====== DATASET RECORDS

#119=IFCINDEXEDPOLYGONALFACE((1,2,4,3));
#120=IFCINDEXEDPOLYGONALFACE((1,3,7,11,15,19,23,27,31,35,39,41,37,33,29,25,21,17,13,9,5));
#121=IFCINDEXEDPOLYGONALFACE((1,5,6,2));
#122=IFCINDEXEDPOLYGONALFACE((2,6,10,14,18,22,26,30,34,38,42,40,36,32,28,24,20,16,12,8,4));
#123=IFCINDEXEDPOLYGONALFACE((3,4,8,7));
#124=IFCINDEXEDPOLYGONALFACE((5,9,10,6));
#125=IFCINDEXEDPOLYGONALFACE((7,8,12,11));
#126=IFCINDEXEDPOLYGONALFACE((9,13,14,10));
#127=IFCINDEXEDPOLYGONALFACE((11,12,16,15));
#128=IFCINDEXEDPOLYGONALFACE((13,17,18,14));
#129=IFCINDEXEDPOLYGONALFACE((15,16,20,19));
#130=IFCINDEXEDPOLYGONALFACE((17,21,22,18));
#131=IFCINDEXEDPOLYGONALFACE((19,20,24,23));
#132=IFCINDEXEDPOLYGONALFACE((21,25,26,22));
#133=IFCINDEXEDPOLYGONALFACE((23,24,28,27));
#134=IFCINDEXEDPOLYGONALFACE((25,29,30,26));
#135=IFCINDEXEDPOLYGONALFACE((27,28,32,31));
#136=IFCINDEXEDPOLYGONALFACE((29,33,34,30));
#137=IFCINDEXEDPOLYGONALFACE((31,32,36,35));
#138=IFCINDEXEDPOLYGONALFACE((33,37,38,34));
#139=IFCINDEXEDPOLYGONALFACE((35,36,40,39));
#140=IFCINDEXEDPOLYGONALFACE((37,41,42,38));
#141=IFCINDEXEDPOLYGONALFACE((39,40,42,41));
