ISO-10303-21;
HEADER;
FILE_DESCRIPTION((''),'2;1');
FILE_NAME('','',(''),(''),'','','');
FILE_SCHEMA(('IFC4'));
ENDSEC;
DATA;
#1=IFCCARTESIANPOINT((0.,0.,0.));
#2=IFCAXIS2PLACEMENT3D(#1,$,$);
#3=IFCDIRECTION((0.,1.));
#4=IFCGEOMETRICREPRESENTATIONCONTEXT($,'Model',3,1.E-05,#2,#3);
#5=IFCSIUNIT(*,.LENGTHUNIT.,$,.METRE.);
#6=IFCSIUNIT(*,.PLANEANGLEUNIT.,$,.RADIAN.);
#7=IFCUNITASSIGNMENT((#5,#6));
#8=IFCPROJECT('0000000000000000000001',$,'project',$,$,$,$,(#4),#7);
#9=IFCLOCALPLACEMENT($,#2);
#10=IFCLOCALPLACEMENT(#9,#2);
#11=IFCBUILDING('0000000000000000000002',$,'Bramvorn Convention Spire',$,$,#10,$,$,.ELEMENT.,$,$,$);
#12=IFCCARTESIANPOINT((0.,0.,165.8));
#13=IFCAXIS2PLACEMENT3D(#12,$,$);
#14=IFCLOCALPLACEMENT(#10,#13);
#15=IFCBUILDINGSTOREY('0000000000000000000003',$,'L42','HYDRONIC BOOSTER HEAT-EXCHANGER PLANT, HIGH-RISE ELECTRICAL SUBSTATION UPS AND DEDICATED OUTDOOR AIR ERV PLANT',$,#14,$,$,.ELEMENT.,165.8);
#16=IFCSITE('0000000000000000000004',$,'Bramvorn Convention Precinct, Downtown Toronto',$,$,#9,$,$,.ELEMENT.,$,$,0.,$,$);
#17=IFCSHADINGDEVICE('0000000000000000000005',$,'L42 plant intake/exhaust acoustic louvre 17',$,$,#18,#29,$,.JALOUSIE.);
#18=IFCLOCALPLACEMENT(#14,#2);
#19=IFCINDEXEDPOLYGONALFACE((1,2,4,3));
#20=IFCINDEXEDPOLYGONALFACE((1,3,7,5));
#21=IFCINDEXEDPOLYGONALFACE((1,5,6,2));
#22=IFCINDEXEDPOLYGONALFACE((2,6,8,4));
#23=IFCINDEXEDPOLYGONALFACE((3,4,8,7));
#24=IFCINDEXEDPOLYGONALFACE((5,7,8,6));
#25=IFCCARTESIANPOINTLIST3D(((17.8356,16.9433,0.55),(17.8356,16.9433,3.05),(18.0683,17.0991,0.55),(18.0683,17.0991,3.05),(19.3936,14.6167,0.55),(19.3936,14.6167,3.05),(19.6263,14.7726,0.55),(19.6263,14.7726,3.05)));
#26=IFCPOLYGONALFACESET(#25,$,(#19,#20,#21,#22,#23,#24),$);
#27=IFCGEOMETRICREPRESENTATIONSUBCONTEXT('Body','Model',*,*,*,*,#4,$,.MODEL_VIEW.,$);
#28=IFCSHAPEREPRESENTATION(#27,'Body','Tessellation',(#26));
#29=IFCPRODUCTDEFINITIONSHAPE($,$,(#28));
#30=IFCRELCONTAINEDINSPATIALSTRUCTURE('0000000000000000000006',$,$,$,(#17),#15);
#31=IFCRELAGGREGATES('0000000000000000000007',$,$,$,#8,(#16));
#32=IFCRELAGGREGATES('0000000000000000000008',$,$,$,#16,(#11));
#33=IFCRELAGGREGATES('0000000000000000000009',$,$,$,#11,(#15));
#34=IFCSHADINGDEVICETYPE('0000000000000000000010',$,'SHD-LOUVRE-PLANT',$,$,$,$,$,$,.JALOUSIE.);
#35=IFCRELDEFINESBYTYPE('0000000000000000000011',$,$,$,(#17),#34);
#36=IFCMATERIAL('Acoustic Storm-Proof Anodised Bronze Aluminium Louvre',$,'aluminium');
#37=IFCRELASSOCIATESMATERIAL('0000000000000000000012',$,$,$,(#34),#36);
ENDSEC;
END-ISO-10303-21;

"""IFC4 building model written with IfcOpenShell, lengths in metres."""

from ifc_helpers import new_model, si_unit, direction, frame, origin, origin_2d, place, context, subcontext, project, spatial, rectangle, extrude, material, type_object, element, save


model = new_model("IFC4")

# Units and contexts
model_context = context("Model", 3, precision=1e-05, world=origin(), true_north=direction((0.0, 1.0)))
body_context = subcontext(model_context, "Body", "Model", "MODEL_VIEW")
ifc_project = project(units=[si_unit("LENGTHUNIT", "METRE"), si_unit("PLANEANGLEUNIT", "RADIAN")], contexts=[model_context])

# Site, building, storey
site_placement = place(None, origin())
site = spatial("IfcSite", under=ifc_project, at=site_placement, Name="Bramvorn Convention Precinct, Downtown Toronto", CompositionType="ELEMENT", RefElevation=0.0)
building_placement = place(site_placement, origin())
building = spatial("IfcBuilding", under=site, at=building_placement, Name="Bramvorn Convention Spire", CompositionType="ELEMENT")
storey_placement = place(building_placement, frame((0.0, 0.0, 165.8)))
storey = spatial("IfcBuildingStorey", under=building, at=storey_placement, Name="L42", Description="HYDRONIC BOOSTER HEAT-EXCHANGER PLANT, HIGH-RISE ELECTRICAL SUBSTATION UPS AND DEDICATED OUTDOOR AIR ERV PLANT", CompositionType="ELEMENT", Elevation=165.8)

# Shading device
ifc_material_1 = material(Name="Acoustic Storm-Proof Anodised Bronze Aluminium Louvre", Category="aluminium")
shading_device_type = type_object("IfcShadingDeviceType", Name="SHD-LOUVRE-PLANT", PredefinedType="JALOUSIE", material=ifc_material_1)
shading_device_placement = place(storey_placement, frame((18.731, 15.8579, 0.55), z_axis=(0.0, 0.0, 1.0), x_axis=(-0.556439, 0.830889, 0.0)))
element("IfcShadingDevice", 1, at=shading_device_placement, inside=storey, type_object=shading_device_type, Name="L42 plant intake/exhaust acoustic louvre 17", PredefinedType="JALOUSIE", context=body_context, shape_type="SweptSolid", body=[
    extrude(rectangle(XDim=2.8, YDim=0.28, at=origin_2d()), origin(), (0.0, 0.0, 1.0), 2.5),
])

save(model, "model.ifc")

============
====== DATASET RECORDS

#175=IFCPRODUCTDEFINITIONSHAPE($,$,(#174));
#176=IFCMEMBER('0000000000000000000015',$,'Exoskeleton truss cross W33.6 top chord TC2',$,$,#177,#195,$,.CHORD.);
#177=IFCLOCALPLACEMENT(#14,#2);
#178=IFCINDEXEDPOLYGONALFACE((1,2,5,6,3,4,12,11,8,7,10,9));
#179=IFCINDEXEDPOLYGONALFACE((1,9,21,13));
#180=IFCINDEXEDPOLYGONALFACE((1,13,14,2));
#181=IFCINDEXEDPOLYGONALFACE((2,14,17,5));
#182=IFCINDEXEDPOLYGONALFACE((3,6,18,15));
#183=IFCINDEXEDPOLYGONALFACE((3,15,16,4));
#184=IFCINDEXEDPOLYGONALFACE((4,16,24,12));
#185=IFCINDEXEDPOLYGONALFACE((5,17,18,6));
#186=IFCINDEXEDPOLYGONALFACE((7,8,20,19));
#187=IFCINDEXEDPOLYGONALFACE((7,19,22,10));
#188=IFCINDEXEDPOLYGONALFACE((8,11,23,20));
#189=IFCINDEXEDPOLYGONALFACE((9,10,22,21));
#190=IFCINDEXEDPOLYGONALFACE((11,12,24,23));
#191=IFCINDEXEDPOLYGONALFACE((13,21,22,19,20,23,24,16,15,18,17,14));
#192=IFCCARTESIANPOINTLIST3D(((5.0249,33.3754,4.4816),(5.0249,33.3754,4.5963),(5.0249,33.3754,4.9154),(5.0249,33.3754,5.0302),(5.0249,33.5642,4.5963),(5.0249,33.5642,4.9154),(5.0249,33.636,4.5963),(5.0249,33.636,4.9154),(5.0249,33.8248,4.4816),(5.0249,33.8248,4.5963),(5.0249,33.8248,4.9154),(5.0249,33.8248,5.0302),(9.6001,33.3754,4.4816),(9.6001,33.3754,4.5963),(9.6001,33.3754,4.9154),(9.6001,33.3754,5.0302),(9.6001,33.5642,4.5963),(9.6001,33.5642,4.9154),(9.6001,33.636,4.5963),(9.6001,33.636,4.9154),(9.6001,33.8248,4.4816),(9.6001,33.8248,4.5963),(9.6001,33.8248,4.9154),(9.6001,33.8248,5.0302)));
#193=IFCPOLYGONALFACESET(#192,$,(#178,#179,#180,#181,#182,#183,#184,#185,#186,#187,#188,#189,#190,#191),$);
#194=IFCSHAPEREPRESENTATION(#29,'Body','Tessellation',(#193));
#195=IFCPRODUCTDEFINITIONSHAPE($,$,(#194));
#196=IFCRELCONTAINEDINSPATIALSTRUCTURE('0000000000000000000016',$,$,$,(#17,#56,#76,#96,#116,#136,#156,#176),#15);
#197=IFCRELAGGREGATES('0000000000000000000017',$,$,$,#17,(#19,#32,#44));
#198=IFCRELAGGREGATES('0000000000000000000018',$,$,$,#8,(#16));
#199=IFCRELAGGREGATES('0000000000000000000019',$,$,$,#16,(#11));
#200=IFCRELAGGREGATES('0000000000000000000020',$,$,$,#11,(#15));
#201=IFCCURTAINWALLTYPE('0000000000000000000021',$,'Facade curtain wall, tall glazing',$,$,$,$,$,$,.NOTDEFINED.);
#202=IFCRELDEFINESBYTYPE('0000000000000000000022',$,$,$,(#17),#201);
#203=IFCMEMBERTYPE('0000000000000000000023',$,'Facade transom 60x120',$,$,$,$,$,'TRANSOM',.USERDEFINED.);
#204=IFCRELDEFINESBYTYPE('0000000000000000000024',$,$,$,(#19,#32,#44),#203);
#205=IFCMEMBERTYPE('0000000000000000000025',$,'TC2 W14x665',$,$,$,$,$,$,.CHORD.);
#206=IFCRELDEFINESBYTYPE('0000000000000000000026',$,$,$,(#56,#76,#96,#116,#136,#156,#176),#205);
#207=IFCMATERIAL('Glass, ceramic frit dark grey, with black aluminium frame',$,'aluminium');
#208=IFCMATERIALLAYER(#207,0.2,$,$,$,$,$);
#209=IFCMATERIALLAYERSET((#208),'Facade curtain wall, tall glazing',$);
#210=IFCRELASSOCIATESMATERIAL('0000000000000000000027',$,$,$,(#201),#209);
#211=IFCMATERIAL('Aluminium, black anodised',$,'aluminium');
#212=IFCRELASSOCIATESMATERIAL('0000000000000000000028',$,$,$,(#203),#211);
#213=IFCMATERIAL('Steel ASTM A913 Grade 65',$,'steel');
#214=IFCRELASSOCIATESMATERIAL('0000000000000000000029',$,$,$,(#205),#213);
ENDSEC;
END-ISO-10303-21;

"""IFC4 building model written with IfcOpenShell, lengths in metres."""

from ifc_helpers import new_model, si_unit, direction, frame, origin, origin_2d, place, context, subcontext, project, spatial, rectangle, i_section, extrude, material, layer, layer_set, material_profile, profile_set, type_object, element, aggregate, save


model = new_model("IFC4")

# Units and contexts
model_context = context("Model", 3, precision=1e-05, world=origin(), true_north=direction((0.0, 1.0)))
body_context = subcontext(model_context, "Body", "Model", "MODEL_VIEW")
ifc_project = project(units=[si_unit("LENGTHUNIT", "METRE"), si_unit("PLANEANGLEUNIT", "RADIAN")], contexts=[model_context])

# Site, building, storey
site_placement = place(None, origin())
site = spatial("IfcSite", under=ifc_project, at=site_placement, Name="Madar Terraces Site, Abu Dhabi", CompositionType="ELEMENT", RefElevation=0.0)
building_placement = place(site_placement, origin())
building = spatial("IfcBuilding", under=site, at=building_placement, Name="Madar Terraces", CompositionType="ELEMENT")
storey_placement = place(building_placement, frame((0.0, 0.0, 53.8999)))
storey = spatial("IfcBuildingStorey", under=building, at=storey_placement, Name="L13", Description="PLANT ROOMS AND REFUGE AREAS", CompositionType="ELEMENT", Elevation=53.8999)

============

=== DIRECTIONS ===
What lines in the entries contain "IFCPRODUCTDEFINITIONSHAPE"? Report each one by copying it.

=== WORKED SOLUTION ===
#29=IFCPRODUCTDEFINITIONSHAPE($,$,(#28));
#175=IFCPRODUCTDEFINITIONSHAPE($,$,(#174));
#195=IFCPRODUCTDEFINITIONSHAPE($,$,(#194));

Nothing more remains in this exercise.